● What the exercise asks
Scan the records below. Report the number of lines containing the word "NOTDEFINED", and nothing more.

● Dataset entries
+===+

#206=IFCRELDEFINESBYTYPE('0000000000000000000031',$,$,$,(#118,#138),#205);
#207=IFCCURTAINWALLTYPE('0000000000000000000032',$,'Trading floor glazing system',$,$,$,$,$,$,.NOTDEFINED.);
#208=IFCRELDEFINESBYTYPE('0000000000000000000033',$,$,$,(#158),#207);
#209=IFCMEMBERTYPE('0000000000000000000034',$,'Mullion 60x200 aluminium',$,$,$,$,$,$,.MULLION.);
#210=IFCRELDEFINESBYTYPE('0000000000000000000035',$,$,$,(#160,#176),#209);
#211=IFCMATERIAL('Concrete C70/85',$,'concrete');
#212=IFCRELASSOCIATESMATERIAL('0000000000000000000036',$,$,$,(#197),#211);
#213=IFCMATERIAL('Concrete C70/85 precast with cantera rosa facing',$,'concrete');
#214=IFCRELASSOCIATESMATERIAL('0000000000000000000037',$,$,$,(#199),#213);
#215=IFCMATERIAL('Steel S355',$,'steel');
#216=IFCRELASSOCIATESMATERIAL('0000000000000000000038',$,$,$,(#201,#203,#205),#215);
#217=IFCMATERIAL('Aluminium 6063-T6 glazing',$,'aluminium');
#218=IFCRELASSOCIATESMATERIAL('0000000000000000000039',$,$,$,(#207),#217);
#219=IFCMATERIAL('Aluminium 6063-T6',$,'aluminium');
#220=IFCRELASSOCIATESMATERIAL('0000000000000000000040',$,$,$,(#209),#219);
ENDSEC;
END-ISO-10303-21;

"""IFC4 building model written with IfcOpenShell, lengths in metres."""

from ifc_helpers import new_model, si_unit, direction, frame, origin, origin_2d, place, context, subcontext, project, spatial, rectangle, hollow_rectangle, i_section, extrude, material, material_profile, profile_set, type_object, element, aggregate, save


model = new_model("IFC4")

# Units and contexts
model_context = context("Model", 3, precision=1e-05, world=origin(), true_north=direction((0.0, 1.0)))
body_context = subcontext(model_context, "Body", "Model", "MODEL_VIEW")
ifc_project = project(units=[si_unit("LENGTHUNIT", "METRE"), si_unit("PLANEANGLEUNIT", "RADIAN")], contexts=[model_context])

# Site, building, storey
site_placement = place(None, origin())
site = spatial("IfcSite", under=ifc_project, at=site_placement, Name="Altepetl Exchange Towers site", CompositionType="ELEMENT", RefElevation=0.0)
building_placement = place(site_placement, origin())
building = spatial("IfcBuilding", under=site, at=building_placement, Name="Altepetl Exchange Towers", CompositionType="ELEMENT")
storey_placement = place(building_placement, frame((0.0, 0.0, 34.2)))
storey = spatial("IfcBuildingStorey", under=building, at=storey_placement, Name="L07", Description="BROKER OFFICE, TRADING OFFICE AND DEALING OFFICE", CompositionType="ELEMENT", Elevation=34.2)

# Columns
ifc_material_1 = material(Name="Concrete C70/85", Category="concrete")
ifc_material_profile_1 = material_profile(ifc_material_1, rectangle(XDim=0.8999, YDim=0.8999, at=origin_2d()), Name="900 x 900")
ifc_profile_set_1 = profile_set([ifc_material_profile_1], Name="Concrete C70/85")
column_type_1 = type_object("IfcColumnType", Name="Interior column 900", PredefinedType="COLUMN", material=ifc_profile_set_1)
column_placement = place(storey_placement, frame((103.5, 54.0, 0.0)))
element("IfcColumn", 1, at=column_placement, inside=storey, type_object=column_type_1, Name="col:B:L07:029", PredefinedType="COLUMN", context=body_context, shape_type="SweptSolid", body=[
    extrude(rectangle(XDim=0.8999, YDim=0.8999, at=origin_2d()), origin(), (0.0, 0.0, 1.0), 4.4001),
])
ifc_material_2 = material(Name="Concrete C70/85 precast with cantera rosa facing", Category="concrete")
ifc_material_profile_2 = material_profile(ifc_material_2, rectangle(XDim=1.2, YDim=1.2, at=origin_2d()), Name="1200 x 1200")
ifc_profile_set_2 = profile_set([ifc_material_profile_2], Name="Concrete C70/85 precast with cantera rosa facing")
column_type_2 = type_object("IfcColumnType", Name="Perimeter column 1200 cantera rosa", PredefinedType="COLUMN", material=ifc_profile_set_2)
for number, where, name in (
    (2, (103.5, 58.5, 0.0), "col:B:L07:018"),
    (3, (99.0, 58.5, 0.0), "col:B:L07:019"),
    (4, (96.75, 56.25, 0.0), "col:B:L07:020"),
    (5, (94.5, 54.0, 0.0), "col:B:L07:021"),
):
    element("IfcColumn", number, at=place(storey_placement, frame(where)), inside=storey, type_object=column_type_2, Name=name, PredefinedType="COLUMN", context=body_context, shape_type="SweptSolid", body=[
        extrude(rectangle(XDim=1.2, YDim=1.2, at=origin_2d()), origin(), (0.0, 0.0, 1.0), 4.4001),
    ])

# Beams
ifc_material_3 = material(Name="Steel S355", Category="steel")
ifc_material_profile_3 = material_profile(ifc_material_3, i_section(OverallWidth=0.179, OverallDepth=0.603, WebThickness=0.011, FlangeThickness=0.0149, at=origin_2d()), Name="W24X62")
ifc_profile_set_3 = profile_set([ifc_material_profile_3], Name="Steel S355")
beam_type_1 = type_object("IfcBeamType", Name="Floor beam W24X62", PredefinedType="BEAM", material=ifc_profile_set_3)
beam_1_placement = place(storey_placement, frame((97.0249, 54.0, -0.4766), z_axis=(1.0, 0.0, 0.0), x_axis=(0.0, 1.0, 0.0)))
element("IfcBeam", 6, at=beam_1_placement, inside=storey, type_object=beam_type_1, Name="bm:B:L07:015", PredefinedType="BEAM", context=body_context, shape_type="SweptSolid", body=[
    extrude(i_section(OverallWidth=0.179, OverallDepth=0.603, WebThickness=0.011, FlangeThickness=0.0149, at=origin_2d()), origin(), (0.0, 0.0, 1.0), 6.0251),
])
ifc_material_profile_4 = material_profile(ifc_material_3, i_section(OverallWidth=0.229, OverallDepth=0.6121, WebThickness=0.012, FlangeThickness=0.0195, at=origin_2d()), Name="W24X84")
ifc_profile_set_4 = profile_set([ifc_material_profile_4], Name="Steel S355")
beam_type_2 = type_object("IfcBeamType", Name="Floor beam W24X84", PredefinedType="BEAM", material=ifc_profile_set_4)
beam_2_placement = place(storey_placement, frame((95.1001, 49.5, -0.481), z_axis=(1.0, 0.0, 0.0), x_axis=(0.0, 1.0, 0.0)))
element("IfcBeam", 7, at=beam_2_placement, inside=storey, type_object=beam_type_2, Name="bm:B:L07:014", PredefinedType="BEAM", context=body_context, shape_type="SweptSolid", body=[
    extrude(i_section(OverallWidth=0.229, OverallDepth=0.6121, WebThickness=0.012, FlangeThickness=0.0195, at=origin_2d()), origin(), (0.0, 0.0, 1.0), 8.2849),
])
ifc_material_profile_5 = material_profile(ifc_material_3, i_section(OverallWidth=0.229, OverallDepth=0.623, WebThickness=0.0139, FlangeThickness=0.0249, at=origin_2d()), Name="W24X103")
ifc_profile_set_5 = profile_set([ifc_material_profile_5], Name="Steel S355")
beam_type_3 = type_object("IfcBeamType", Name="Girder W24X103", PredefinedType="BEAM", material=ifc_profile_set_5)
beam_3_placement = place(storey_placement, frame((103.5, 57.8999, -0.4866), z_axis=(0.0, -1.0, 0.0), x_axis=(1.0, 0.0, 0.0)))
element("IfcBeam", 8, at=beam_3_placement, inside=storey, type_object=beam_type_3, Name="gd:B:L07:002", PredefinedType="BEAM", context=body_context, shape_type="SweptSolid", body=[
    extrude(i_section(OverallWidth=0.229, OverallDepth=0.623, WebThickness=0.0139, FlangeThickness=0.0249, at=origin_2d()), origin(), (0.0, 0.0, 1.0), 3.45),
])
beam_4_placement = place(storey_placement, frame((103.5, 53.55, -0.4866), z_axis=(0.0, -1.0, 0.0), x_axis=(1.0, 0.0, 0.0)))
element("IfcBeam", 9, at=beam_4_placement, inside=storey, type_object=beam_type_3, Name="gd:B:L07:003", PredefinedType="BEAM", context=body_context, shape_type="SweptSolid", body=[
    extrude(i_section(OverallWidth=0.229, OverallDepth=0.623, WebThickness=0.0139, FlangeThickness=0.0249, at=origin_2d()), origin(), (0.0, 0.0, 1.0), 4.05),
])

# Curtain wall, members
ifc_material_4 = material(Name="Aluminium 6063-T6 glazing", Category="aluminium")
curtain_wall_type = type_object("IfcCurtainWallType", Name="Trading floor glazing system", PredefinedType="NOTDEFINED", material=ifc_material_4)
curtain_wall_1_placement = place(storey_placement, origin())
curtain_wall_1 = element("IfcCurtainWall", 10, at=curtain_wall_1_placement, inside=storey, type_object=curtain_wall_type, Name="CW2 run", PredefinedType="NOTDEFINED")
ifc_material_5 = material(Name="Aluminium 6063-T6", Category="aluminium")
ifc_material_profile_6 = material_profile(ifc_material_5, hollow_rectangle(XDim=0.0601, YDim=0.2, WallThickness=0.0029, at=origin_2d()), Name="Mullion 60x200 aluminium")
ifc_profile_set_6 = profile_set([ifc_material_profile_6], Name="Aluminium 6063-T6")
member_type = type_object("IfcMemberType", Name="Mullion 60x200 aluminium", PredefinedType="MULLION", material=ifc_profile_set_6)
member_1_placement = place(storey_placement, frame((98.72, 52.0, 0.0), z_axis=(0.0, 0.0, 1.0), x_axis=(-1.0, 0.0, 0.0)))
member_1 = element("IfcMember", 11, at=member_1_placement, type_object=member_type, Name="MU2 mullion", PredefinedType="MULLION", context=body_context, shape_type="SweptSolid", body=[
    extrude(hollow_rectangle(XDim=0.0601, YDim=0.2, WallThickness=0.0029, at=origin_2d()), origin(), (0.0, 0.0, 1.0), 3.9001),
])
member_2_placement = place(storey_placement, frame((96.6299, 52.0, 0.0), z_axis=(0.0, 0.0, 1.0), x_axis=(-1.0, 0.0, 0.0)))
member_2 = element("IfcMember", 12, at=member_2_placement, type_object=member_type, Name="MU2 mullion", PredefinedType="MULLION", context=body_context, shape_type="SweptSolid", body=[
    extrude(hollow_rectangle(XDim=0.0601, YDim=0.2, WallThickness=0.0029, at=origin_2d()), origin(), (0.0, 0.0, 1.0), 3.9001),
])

+===+

● Answer to the exercise
3